§ Required work
Copy, from the entries below, each line in which the string "Landing" appears.

§ Data items

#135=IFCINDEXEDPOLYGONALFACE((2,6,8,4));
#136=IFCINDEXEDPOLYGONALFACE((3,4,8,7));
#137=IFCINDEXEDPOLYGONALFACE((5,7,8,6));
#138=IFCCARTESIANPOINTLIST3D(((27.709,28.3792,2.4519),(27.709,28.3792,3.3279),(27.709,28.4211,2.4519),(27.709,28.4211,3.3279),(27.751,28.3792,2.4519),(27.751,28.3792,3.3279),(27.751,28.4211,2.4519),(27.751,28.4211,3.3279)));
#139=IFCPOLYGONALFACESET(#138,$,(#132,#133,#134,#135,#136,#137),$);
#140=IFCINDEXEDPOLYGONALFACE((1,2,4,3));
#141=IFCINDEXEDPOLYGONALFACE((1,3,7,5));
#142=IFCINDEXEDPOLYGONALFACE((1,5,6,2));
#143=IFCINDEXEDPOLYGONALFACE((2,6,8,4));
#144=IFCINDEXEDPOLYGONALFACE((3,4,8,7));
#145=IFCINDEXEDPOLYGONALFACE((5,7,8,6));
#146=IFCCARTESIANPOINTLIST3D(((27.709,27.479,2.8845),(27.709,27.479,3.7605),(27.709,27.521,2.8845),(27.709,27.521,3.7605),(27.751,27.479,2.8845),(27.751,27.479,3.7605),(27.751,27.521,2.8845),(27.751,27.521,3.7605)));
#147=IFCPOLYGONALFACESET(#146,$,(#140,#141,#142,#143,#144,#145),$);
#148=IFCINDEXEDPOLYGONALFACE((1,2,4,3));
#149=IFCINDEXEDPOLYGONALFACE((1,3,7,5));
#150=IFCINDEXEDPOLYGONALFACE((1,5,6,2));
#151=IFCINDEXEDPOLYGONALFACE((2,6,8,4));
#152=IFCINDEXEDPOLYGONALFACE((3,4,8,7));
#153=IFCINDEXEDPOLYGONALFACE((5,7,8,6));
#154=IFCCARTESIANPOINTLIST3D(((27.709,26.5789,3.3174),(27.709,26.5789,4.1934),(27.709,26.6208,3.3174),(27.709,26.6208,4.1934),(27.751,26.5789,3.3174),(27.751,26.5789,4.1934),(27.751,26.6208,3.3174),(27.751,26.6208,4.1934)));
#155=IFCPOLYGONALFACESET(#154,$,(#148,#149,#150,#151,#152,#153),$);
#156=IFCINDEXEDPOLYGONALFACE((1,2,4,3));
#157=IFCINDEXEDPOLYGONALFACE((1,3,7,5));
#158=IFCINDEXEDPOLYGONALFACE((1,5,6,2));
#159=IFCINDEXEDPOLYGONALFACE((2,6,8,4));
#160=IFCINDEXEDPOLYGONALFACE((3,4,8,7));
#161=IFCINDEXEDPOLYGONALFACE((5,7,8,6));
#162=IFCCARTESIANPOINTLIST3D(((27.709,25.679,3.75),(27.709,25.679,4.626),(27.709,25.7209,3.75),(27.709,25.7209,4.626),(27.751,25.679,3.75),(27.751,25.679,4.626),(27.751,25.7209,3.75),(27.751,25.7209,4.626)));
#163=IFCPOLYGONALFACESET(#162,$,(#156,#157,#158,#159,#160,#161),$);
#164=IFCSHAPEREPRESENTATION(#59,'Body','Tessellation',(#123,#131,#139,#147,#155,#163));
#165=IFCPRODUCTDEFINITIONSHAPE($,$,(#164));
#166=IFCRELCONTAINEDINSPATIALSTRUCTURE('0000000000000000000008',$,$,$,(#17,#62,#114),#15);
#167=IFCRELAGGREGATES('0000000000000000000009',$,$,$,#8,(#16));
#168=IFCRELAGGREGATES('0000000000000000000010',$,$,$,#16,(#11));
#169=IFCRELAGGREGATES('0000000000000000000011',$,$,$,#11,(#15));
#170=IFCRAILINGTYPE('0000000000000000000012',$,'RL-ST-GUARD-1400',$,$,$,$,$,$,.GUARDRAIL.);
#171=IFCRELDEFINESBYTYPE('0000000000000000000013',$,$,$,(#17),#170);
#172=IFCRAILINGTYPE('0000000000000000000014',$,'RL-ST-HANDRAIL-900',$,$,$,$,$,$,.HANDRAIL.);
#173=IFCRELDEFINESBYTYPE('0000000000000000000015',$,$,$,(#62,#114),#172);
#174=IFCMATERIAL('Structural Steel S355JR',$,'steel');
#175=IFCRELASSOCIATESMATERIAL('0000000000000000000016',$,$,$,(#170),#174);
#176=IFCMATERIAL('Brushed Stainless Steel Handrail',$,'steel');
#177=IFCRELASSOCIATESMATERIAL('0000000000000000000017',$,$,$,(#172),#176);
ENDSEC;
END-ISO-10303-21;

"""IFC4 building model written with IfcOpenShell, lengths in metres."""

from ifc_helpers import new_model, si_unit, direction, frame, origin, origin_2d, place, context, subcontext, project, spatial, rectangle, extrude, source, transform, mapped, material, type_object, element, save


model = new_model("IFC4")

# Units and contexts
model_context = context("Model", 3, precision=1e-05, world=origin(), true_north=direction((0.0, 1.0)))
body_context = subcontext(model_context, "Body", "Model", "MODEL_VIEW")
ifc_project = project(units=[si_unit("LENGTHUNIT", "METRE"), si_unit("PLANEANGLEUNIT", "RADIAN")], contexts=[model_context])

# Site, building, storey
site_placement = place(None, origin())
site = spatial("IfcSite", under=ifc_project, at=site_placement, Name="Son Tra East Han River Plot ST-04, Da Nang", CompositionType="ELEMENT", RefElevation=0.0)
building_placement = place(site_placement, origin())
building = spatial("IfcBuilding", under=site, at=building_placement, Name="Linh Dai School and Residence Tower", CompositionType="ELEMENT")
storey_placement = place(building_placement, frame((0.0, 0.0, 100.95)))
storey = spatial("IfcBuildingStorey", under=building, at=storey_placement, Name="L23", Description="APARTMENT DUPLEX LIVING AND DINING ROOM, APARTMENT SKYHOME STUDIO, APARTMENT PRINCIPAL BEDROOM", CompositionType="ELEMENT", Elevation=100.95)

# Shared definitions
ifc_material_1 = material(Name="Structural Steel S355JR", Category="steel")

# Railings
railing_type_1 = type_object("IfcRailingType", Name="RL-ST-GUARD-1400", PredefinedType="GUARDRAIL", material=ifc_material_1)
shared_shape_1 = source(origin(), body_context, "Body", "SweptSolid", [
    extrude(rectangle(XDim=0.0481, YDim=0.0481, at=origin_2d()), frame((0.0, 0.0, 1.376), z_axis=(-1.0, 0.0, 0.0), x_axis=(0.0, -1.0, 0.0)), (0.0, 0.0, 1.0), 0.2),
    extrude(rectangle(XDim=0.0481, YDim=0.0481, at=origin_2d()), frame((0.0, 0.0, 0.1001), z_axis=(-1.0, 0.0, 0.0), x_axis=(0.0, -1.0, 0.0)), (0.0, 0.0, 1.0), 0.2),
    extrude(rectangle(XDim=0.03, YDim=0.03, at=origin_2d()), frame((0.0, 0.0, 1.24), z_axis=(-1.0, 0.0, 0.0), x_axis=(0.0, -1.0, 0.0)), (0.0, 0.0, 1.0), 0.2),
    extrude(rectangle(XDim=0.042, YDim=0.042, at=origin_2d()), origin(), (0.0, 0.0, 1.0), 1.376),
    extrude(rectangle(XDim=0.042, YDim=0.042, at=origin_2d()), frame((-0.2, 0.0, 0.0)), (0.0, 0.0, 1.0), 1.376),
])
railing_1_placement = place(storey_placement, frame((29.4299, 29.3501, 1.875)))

...

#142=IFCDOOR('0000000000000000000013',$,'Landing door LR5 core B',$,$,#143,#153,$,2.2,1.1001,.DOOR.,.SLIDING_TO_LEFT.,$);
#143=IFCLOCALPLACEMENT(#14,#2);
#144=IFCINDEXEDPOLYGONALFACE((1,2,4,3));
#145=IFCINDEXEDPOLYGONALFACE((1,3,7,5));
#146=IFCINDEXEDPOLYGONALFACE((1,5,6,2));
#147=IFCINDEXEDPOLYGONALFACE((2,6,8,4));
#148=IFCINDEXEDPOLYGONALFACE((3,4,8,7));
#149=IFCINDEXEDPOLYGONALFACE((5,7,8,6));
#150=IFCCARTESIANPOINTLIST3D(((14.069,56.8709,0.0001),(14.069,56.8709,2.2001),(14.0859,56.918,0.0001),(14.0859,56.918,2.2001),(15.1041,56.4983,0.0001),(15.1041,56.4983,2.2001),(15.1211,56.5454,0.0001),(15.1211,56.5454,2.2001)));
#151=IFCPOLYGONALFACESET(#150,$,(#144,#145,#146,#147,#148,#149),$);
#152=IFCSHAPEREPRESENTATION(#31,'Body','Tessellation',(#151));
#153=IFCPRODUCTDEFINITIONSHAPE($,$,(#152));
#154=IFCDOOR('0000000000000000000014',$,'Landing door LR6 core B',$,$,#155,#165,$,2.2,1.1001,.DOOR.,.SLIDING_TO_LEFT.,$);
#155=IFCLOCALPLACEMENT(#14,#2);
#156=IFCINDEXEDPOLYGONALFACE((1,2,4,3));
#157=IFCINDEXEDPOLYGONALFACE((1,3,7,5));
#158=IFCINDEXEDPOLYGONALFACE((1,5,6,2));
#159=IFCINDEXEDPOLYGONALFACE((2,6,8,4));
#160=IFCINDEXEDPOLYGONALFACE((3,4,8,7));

§ Response below
#142=IFCDOOR('0000000000000000000013',$,'Landing door LR5 core B',$,$,#143,#153,$,2.2,1.1001,.DOOR.,.SLIDING_TO_LEFT.,$);
#154=IFCDOOR('0000000000000000000014',$,'Landing door LR6 core B',$,$,#155,#165,$,2.2,1.1001,.DOOR.,.SLIDING_TO_LEFT.,$);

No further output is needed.